▸ ASSIGNMENT
The line that contains "#33=IFCPRODUCTDEFINITIONSHAPE($,$,(#32));" marks the end: retype the data below exactly from its first line through that line.

▸ Collected data entries
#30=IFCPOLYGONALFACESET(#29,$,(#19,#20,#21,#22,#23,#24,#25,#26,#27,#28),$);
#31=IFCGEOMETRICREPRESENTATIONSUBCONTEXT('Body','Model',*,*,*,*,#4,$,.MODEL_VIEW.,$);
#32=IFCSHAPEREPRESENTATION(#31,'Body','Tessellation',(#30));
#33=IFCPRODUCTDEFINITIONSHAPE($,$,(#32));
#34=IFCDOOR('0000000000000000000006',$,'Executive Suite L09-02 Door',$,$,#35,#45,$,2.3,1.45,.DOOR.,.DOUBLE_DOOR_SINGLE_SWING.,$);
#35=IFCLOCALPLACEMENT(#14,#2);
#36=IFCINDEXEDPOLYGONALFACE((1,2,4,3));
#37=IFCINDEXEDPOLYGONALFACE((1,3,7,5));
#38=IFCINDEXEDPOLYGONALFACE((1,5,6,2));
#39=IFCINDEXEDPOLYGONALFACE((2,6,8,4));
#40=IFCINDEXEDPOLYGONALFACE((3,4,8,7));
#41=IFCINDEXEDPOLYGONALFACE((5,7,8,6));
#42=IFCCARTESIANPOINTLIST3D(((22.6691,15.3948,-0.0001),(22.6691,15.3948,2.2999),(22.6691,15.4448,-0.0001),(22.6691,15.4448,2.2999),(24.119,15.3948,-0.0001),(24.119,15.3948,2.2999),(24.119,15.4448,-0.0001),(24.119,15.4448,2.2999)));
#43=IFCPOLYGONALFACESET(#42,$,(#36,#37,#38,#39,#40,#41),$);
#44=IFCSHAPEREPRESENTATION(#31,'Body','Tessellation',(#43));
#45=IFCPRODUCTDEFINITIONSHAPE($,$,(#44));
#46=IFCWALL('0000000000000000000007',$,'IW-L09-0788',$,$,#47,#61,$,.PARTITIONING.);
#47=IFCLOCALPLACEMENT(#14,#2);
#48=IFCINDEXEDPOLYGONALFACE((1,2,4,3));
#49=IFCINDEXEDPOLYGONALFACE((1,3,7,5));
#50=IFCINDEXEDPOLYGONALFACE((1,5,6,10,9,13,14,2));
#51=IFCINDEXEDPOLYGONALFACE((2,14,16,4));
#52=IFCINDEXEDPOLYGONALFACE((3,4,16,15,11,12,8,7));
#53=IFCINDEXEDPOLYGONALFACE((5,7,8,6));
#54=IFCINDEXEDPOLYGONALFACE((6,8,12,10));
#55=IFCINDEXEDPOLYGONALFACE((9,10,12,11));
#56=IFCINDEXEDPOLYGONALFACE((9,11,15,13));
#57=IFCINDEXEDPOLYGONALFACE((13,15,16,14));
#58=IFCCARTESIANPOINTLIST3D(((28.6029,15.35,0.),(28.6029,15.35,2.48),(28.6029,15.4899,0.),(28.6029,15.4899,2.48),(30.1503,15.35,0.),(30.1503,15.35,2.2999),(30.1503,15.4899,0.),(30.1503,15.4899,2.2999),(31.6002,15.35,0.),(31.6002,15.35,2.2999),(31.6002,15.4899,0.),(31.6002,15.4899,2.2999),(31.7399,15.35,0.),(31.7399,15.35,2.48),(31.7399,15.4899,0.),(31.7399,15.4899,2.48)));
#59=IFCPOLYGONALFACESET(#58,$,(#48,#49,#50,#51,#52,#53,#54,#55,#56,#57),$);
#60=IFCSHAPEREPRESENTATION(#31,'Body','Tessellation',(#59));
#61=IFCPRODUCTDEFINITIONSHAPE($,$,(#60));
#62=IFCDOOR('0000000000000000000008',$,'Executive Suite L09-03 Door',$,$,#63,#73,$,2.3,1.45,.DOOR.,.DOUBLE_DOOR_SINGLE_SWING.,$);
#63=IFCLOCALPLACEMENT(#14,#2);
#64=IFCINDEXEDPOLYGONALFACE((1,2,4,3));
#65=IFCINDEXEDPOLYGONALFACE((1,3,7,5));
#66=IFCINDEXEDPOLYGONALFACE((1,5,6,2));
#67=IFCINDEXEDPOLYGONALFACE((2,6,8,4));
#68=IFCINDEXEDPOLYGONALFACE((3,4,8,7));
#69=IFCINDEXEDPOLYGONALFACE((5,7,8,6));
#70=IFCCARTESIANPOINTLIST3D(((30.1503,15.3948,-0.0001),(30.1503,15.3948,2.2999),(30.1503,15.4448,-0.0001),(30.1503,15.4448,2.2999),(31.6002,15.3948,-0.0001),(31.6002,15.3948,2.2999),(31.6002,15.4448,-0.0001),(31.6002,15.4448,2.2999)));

▸ ANSWER SPACE
#30=IFCPOLYGONALFACESET(#29,$,(#19,#20,#21,#22,#23,#24,#25,#26,#27,#28),$);
#31=IFCGEOMETRICREPRESENTATIONSUBCONTEXT('Body','Model',*,*,*,*,#4,$,.MODEL_VIEW.,$);
#32=IFCSHAPEREPRESENTATION(#31,'Body','Tessellation',(#30));
#33=IFCPRODUCTDEFINITIONSHAPE($,$,(#32));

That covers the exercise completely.